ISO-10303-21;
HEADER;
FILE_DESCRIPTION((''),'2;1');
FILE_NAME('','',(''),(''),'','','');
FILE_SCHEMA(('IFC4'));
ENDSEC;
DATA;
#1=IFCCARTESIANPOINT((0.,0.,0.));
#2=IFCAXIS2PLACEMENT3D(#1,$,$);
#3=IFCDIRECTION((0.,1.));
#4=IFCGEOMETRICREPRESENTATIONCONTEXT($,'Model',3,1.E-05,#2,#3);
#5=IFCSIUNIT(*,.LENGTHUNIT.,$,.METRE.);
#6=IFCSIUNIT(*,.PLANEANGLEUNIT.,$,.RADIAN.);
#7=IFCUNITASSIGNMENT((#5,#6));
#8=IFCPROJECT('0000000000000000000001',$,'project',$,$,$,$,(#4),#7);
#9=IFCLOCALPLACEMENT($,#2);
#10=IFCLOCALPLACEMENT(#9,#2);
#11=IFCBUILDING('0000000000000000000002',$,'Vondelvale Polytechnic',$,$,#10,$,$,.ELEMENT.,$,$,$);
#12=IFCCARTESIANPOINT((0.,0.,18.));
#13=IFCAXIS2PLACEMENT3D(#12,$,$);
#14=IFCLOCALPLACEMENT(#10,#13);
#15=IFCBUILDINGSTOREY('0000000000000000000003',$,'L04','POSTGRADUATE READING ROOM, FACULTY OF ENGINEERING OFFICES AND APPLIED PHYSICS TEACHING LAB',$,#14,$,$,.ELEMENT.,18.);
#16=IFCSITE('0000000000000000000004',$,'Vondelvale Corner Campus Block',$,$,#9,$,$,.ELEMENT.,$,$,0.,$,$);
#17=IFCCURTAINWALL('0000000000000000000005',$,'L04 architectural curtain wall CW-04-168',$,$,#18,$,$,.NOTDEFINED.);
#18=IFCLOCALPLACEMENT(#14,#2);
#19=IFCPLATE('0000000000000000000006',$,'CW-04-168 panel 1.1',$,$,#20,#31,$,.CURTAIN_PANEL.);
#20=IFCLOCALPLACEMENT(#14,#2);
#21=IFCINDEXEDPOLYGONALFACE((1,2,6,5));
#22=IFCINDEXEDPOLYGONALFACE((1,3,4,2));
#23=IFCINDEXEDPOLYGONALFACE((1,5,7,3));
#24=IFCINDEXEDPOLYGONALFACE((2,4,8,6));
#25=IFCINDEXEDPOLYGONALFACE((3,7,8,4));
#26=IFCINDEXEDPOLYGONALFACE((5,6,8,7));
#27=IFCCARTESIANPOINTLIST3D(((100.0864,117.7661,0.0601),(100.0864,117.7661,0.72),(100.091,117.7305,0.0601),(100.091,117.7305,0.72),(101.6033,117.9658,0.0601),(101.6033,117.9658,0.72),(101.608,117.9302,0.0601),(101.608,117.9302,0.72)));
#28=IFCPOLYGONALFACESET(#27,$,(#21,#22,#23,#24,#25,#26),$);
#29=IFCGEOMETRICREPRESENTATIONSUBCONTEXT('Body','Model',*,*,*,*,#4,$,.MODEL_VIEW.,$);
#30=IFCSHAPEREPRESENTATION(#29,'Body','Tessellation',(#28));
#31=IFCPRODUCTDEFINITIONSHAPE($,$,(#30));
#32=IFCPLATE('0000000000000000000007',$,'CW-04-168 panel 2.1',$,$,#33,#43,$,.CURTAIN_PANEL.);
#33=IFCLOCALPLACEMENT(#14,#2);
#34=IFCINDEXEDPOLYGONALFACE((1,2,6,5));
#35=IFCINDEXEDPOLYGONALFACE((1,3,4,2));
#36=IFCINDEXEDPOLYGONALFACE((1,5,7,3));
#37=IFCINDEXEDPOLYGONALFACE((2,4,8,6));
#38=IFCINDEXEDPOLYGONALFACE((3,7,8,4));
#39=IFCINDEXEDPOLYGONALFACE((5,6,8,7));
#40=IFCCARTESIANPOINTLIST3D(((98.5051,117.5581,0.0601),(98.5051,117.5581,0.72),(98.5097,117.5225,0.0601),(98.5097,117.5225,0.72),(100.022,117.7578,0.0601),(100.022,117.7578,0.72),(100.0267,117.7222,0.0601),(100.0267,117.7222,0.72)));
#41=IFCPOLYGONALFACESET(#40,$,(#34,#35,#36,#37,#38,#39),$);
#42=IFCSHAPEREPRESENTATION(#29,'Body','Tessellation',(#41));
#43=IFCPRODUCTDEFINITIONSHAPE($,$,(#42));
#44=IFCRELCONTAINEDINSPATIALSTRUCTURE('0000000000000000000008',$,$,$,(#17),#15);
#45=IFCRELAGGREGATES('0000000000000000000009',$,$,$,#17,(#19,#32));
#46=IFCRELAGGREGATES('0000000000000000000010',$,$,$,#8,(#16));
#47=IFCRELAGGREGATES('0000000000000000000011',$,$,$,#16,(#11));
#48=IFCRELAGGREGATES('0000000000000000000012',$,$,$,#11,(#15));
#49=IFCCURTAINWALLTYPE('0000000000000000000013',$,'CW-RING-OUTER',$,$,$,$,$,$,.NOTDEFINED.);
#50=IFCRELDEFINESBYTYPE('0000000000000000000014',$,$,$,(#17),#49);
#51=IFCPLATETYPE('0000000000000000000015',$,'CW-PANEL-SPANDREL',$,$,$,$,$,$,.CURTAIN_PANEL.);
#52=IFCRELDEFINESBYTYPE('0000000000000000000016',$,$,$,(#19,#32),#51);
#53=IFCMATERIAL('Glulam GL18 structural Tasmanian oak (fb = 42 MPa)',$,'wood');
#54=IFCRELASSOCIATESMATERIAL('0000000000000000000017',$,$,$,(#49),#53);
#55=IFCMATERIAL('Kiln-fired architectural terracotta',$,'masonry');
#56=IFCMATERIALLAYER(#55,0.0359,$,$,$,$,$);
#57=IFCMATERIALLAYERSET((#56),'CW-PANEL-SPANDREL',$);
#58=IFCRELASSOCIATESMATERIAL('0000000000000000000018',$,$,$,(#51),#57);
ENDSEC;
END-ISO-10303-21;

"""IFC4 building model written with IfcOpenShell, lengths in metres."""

from ifc_helpers import new_model, si_unit, direction, frame, origin, origin_2d, place, context, subcontext, project, spatial, rectangle, extrude, material, layer, layer_set, type_object, element, aggregate, save


model = new_model("IFC4")

# Units and contexts
model_context = context("Model", 3, precision=1e-05, world=origin(), true_north=direction((0.0, 1.0)))
body_context = subcontext(model_context, "Body", "Model", "MODEL_VIEW")
ifc_project = project(units=[si_unit("LENGTHUNIT", "METRE"), si_unit("PLANEANGLEUNIT", "RADIAN")], contexts=[model_context])

# Site, building, storey
site_placement = place(None, origin())
site = spatial("IfcSite", under=ifc_project, at=site_placement, Name="Vondelvale Corner Campus Block", CompositionType="ELEMENT", RefElevation=0.0)
building_placement = place(site_placement, origin())
building = spatial("IfcBuilding", under=site, at=building_placement, Name="Vondelvale Polytechnic", CompositionType="ELEMENT")
storey_placement = place(building_placement, frame((0.0, 0.0, 18.0)))
storey = spatial("IfcBuildingStorey", under=building, at=storey_placement, Name="L04", Description="POSTGRADUATE READING ROOM, FACULTY OF ENGINEERING OFFICES AND APPLIED PHYSICS TEACHING LAB", CompositionType="ELEMENT", Elevation=18.0)

# Shared definitions
ifc_material_1 = material(Name="Glulam GL18 structural Tasmanian oak (fb = 42 MPa)", Category="wood")

# Curtain wall
curtain_wall_type = type_object("IfcCurtainWallType", Name="CW-RING-OUTER", PredefinedType="NOTDEFINED", material=ifc_material_1)
curtain_wall_1_placement = place(storey_placement, origin())
curtain_wall_1 = element("IfcCurtainWall", 1, at=curtain_wall_1_placement, inside=storey, type_object=curtain_wall_type, Name="L04 architectural curtain wall CW-04-168", PredefinedType="NOTDEFINED")

# Plates
ifc_material_2 = material(Name="Kiln-fired architectural terracotta", Category="masonry")
ifc_layer_1 = layer(ifc_material_2, 0.0359)
ifc_layer_set_1 = layer_set([ifc_layer_1], Name="CW-PANEL-SPANDREL")
plate_type_1 = type_object("IfcPlateType", Name="CW-PANEL-SPANDREL", PredefinedType="CURTAIN_PANEL", material=ifc_layer_set_1)
plate_1_placement = place(storey_placement, frame((100.8472, 117.8481, 0.0601), z_axis=(0.0, 0.0, 1.0), x_axis=(-0.991443, -0.13054, 0.0)))
plate_1 = element("IfcPlate", 2, at=plate_1_placement, type_object=plate_type_1, Name="CW-04-168 panel 1.1", PredefinedType="CURTAIN_PANEL", context=body_context, shape_type="SweptSolid", body=[
    extrude(rectangle(XDim=1.53, YDim=0.0359, at=origin_2d()), origin(), (0.0, 0.0, 1.0), 0.6599),
])
plate_2_placement = place(storey_placement, frame((99.2659, 117.6401, 0.0601), z_axis=(0.0, 0.0, 1.0), x_axis=(-0.991443, -0.13054, 0.0)))
plate_2 = element("IfcPlate", 3, at=plate_2_placement, type_object=plate_type_1, Name="CW-04-168 panel 2.1", PredefinedType="CURTAIN_PANEL", context=body_context, shape_type="SweptSolid", body=[
    extrude(rectangle(XDim=1.53, YDim=0.0359, at=origin_2d()), origin(), (0.0, 0.0, 1.0), 0.6599),
])
aggregate(curtain_wall_1, [plate_1, plate_2])

save(model, "model.ifc")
* * *
▸ **DESCRIPTION OF THE TASK**:
Starting at the top of the data above, repeat every line exactly until the line containing "PHYSICS TEACHING LAB',$,#14,$,$,.ELEMENT.,18.);" has been given, then stop.

▸ **EXPECTED ANSWER**:
ISO-10303-21;
HEADER;
FILE_DESCRIPTION((''),'2;1');
FILE_NAME('','',(''),(''),'','','');
FILE_SCHEMA(('IFC4'));
ENDSEC;
DATA;
#1=IFCCARTESIANPOINT((0.,0.,0.));
#2=IFCAXIS2PLACEMENT3D(#1,$,$);
#3=IFCDIRECTION((0.,1.));
#4=IFCGEOMETRICREPRESENTATIONCONTEXT($,'Model',3,1.E-05,#2,#3);
#5=IFCSIUNIT(*,.LENGTHUNIT.,$,.METRE.);
#6=IFCSIUNIT(*,.PLANEANGLEUNIT.,$,.RADIAN.);
#7=IFCUNITASSIGNMENT((#5,#6));
#8=IFCPROJECT('0000000000000000000001',$,'project',$,$,$,$,(#4),#7);
#9=IFCLOCALPLACEMENT($,#2);
#10=IFCLOCALPLACEMENT(#9,#2);
#11=IFCBUILDING('0000000000000000000002',$,'Vondelvale Polytechnic',$,$,#10,$,$,.ELEMENT.,$,$,$);
#12=IFCCARTESIANPOINT((0.,0.,18.));
#13=IFCAXIS2PLACEMENT3D(#12,$,$);
#14=IFCLOCALPLACEMENT(#10,#13);
#15=IFCBUILDINGSTOREY('0000000000000000000003',$,'L04','POSTGRADUATE READING ROOM, FACULTY OF ENGINEERING OFFICES AND APPLIED PHYSICS TEACHING LAB',$,#14,$,$,.ELEMENT.,18.);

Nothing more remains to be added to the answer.